Data under study:
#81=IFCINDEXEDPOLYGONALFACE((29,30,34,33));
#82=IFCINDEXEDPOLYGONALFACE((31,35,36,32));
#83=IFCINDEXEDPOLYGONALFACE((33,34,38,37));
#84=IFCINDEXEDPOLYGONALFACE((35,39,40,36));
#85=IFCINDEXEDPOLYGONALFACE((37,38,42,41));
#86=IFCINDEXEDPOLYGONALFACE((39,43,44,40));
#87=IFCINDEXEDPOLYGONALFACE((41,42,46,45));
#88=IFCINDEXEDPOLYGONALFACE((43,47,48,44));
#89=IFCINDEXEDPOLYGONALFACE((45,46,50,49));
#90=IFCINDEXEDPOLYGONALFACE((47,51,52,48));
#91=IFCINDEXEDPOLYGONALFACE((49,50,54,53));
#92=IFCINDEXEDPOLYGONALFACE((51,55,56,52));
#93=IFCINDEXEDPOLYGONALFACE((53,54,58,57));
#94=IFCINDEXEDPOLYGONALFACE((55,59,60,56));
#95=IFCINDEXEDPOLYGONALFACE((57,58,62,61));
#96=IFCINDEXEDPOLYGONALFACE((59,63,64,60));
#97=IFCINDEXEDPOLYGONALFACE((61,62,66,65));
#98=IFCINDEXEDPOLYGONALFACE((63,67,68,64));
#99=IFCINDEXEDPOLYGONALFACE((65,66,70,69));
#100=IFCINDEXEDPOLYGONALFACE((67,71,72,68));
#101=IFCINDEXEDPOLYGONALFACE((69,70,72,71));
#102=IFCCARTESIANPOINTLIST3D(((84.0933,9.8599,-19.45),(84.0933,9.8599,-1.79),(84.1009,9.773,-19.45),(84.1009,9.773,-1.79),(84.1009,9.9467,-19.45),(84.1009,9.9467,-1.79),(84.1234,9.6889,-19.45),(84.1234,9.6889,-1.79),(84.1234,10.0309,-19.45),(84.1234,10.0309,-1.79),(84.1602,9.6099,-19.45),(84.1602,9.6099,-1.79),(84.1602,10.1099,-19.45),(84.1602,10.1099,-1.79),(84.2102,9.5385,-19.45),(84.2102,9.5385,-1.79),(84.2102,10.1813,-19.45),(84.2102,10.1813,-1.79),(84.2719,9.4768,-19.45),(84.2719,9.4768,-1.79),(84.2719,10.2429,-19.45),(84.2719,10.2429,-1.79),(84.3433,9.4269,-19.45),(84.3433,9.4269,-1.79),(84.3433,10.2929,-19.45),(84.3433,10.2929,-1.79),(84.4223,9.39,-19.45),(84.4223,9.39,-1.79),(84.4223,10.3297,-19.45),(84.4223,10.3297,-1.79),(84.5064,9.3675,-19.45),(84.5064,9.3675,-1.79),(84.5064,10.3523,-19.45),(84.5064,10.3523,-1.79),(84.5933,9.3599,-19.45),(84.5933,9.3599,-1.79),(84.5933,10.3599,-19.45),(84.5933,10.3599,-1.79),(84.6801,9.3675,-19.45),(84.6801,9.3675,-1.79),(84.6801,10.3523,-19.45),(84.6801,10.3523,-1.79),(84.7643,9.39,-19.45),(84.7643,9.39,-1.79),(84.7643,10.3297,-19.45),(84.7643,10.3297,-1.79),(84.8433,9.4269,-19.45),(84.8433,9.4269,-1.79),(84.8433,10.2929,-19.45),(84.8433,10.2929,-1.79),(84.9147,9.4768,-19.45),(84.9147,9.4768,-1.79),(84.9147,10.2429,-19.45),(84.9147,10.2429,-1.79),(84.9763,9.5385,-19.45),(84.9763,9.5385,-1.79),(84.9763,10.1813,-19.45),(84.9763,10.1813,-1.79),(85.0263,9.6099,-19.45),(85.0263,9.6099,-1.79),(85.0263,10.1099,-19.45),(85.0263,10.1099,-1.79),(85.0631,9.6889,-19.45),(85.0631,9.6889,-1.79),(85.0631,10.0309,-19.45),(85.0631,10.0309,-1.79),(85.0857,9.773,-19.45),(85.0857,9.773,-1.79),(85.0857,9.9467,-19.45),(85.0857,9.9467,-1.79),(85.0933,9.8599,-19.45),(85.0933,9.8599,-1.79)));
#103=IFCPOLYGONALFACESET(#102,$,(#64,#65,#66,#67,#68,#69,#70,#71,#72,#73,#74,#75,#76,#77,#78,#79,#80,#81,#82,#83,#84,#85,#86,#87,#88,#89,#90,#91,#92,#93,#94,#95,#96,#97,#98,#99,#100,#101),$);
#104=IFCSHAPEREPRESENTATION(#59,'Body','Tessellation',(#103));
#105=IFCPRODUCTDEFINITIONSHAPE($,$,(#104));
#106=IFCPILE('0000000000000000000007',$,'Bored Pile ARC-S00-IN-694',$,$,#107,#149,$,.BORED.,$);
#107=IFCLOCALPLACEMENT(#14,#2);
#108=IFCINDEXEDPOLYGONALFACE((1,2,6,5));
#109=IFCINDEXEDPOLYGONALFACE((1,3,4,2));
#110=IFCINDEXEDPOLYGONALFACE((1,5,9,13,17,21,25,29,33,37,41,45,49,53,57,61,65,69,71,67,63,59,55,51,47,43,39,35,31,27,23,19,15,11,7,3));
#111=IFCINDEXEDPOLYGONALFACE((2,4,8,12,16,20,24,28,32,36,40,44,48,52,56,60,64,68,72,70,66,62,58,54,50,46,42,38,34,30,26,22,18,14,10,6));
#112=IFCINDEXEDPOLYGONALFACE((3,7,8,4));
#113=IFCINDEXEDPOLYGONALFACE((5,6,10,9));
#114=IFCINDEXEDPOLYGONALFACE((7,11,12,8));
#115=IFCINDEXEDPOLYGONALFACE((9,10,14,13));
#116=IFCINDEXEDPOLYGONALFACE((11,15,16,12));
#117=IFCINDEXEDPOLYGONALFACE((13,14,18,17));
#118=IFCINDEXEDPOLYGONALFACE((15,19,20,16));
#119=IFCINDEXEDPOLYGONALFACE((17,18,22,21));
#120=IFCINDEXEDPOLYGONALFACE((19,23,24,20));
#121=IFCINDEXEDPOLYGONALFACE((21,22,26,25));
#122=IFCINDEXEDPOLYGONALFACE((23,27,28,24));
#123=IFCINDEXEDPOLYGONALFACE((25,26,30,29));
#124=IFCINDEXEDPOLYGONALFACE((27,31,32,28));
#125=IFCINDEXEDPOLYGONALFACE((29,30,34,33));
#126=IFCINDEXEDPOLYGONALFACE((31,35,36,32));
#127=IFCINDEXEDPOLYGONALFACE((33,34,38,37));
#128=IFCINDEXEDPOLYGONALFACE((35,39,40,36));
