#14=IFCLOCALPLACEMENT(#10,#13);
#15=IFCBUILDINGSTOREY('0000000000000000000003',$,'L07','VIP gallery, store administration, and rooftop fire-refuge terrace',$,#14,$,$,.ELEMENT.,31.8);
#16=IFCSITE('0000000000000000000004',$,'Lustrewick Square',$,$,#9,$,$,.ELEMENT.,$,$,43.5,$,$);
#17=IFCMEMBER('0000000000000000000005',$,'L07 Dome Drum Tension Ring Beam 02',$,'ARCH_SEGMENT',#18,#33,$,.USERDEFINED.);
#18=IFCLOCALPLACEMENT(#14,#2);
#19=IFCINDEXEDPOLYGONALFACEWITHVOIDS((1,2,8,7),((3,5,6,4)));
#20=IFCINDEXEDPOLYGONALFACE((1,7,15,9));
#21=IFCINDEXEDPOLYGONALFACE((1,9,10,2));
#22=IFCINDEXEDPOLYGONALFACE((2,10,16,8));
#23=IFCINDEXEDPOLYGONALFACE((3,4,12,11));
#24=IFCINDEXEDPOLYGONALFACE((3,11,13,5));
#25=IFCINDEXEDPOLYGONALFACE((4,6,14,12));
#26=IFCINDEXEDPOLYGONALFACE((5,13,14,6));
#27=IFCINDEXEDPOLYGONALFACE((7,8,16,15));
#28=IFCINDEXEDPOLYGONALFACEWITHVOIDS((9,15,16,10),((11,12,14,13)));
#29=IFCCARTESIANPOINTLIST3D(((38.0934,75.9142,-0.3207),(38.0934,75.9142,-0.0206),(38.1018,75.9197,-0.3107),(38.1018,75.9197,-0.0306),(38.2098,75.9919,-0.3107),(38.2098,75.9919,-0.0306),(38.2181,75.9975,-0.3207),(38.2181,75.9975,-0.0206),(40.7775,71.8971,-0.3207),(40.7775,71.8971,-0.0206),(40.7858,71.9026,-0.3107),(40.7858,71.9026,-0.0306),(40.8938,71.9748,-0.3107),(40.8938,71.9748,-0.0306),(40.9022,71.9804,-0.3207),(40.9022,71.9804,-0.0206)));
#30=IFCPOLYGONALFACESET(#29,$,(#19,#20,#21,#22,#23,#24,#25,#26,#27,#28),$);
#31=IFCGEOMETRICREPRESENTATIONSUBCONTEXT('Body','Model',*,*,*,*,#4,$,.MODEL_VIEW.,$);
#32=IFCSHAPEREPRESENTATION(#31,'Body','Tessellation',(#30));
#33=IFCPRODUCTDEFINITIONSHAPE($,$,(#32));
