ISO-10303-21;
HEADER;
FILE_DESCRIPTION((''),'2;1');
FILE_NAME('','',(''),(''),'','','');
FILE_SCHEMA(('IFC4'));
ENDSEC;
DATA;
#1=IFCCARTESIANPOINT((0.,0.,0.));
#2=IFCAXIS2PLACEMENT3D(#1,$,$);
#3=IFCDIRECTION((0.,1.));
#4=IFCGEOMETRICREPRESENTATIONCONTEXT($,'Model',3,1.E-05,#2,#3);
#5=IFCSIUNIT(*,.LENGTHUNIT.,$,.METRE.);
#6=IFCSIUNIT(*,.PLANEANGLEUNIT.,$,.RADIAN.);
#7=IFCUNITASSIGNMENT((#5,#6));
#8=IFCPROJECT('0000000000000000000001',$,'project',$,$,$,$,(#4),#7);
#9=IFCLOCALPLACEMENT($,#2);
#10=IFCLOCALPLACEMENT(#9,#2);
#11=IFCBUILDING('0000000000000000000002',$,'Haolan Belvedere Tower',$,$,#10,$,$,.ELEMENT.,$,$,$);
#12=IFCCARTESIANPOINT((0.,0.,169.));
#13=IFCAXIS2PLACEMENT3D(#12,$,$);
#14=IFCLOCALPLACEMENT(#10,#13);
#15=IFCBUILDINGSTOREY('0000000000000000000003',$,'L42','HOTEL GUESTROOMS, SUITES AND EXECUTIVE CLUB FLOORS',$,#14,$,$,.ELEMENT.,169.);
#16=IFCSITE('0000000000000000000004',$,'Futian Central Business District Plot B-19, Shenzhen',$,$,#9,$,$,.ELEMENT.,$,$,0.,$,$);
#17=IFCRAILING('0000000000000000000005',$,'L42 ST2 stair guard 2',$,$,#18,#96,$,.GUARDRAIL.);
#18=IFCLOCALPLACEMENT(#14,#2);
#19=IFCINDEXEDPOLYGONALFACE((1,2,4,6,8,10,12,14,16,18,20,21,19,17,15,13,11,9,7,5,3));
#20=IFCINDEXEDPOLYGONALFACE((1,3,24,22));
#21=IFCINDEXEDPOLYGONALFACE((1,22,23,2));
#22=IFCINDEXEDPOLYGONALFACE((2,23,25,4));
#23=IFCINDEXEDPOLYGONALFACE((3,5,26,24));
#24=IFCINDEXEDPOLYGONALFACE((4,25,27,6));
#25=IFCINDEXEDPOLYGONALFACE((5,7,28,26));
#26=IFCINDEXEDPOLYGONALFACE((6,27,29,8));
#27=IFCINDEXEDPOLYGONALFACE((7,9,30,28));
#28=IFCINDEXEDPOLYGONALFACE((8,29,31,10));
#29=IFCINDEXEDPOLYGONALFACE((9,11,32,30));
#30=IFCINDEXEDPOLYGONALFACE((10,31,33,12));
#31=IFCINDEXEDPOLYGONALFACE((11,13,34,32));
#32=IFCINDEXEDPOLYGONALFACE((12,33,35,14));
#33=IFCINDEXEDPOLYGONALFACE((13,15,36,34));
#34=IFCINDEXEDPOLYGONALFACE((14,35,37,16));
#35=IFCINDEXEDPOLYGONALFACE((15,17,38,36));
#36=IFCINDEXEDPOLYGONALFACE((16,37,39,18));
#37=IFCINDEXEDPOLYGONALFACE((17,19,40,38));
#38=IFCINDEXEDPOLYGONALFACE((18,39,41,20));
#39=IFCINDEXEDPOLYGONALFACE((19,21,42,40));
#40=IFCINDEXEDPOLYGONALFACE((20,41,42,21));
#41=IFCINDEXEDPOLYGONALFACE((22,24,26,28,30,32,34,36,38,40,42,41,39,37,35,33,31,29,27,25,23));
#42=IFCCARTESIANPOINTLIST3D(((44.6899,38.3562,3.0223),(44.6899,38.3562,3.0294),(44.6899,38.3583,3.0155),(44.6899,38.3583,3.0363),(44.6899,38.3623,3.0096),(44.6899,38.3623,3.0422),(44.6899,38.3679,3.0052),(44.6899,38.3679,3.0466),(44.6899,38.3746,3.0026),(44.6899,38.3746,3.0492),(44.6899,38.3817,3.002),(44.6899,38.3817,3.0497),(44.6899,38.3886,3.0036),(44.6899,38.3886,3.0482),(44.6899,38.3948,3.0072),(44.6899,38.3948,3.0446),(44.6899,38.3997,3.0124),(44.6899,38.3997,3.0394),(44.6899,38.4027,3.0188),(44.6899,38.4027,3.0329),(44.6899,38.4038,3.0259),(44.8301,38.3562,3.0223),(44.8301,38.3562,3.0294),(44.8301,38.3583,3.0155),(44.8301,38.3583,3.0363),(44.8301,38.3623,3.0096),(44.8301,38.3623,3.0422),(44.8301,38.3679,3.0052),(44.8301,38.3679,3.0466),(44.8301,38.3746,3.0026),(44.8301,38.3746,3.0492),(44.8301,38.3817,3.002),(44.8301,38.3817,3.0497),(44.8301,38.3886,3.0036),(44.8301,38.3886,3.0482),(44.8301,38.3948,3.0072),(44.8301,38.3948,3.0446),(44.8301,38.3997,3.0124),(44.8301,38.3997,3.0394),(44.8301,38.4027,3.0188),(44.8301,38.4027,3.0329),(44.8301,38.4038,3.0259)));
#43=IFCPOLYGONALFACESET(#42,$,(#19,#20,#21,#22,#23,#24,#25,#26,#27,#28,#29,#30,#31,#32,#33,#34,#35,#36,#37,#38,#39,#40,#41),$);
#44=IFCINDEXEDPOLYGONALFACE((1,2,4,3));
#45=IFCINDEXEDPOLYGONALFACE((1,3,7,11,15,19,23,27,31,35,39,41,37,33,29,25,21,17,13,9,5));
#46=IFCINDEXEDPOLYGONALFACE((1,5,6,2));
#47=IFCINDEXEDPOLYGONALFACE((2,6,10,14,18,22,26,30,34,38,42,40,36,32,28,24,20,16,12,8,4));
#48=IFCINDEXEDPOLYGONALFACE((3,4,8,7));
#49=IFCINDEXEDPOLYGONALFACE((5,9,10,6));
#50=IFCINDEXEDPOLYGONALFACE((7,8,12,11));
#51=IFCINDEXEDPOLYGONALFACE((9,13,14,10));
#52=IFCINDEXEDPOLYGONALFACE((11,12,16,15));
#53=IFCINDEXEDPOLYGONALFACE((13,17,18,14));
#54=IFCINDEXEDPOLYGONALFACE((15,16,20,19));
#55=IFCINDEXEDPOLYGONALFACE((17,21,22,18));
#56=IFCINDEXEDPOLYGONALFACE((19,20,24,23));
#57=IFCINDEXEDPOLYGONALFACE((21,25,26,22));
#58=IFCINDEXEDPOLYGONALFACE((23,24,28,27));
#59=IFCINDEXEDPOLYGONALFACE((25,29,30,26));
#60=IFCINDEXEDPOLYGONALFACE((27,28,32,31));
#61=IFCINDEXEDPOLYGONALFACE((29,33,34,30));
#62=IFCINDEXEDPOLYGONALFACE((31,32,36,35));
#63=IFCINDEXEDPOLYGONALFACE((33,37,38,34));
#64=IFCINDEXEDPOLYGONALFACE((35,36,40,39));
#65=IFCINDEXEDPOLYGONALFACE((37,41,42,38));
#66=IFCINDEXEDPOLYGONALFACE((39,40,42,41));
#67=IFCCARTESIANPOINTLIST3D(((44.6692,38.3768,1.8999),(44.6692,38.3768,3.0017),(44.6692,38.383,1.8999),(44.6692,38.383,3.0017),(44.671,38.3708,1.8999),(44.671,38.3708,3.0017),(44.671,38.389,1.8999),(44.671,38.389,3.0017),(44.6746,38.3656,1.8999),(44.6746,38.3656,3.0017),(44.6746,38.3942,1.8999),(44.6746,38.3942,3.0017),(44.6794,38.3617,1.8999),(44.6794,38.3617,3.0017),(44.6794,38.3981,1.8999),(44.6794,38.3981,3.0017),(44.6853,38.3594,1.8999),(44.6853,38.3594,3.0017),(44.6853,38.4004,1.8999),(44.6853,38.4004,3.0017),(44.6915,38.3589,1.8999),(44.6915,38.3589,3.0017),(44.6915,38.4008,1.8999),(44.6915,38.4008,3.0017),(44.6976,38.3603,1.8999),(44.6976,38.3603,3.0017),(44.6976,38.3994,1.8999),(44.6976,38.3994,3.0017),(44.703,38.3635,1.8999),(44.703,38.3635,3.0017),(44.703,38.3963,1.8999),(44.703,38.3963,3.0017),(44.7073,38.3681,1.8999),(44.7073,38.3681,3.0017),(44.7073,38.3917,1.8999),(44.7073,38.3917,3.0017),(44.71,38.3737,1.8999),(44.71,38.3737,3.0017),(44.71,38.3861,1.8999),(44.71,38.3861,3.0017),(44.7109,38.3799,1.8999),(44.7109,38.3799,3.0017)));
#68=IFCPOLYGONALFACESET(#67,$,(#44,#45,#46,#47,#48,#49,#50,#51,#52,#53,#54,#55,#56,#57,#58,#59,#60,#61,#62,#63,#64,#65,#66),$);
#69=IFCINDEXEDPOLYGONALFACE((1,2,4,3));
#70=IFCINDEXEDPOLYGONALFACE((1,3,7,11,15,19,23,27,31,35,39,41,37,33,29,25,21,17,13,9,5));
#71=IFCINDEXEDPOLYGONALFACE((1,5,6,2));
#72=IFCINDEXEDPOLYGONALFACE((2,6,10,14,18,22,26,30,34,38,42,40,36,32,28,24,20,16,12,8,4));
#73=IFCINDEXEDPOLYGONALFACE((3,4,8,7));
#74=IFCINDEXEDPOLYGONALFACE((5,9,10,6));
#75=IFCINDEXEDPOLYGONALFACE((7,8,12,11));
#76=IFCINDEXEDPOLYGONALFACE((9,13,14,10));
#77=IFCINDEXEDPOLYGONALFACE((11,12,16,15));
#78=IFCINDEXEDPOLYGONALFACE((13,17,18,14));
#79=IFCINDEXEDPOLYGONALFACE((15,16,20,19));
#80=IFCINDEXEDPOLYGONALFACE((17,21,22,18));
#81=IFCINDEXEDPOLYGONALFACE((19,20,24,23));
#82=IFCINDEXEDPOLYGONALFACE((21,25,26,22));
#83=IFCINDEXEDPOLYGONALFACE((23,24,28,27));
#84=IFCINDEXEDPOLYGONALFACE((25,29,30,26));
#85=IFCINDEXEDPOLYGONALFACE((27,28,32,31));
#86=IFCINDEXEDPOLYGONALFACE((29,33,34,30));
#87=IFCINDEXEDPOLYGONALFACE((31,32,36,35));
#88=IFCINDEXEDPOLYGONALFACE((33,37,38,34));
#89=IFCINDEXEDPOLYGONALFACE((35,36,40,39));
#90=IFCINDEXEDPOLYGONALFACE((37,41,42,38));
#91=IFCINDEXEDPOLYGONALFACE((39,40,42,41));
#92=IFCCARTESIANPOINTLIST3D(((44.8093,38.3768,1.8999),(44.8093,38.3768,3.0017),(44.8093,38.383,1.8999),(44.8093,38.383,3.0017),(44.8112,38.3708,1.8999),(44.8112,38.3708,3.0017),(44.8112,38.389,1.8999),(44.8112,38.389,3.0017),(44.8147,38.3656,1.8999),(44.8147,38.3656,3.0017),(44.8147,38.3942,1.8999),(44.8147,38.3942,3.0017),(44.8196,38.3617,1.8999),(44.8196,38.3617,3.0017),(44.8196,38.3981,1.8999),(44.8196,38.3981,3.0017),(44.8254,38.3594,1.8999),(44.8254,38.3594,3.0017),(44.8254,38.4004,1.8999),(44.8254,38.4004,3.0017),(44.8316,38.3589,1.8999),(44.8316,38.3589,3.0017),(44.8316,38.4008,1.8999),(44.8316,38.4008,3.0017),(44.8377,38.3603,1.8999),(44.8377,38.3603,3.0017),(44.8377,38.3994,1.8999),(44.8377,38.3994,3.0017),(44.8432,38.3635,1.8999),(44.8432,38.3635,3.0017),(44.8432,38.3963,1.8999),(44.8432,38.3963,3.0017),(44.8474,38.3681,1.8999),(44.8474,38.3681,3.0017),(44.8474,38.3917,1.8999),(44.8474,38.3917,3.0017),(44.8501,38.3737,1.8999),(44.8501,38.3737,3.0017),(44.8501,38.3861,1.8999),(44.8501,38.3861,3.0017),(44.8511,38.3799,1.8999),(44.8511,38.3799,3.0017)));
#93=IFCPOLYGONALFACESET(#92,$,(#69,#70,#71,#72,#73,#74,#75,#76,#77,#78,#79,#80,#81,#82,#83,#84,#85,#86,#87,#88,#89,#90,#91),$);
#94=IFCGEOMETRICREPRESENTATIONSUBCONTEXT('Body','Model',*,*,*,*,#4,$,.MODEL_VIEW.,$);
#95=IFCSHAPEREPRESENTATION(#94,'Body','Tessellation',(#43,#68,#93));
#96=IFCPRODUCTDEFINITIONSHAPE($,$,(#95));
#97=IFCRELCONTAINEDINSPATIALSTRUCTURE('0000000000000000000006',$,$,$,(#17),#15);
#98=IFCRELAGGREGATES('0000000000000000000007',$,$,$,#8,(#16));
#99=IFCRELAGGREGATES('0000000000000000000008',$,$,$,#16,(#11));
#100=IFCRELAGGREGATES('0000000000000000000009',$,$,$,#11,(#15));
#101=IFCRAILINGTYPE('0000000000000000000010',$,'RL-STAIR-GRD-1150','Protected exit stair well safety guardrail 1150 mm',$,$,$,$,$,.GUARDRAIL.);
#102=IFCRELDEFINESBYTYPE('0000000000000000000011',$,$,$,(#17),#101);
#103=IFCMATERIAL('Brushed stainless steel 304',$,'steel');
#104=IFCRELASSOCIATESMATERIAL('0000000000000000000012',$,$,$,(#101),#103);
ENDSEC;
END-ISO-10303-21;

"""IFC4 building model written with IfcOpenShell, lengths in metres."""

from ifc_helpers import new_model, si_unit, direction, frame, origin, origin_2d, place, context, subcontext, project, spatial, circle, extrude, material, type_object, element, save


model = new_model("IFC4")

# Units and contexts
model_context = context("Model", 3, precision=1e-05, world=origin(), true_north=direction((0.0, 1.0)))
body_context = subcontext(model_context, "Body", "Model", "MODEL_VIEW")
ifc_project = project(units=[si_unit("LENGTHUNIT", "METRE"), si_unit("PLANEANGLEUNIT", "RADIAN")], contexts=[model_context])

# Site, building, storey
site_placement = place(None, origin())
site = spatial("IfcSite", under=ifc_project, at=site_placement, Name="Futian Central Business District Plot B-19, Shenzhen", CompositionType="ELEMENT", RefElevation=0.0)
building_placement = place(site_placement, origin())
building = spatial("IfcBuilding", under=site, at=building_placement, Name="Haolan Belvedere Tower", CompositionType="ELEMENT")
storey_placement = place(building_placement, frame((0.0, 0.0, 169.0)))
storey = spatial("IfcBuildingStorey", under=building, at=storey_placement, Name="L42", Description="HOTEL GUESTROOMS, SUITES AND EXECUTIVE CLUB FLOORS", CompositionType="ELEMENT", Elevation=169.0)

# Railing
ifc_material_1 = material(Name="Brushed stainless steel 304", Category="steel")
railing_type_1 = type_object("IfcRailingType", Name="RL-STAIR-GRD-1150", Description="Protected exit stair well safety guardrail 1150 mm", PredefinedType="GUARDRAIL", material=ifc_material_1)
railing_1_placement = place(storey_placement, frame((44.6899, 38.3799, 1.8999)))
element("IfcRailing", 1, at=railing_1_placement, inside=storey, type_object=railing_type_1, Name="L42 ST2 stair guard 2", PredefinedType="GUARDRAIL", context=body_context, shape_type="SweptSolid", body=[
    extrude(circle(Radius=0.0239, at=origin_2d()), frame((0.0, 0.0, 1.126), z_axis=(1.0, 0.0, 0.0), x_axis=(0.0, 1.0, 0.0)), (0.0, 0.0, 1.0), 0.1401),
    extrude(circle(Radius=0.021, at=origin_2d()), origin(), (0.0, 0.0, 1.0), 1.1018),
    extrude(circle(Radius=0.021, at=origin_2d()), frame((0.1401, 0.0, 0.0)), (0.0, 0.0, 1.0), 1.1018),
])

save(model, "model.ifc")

Directions: Whenever a line in the data holds "IFCGEOMETRICREPRESENTATIONSUBCONTEXT", copy that line.

Solution to this problem:
#31=IFCGEOMETRICREPRESENTATIONSUBCONTEXT('Body','Model',*,*,*,*,#4,$,.MODEL_VIEW.,$);
#94=IFCGEOMETRICREPRESENTATIONSUBCONTEXT('Body','Model',*,*,*,*,#4,$,.MODEL_VIEW.,$);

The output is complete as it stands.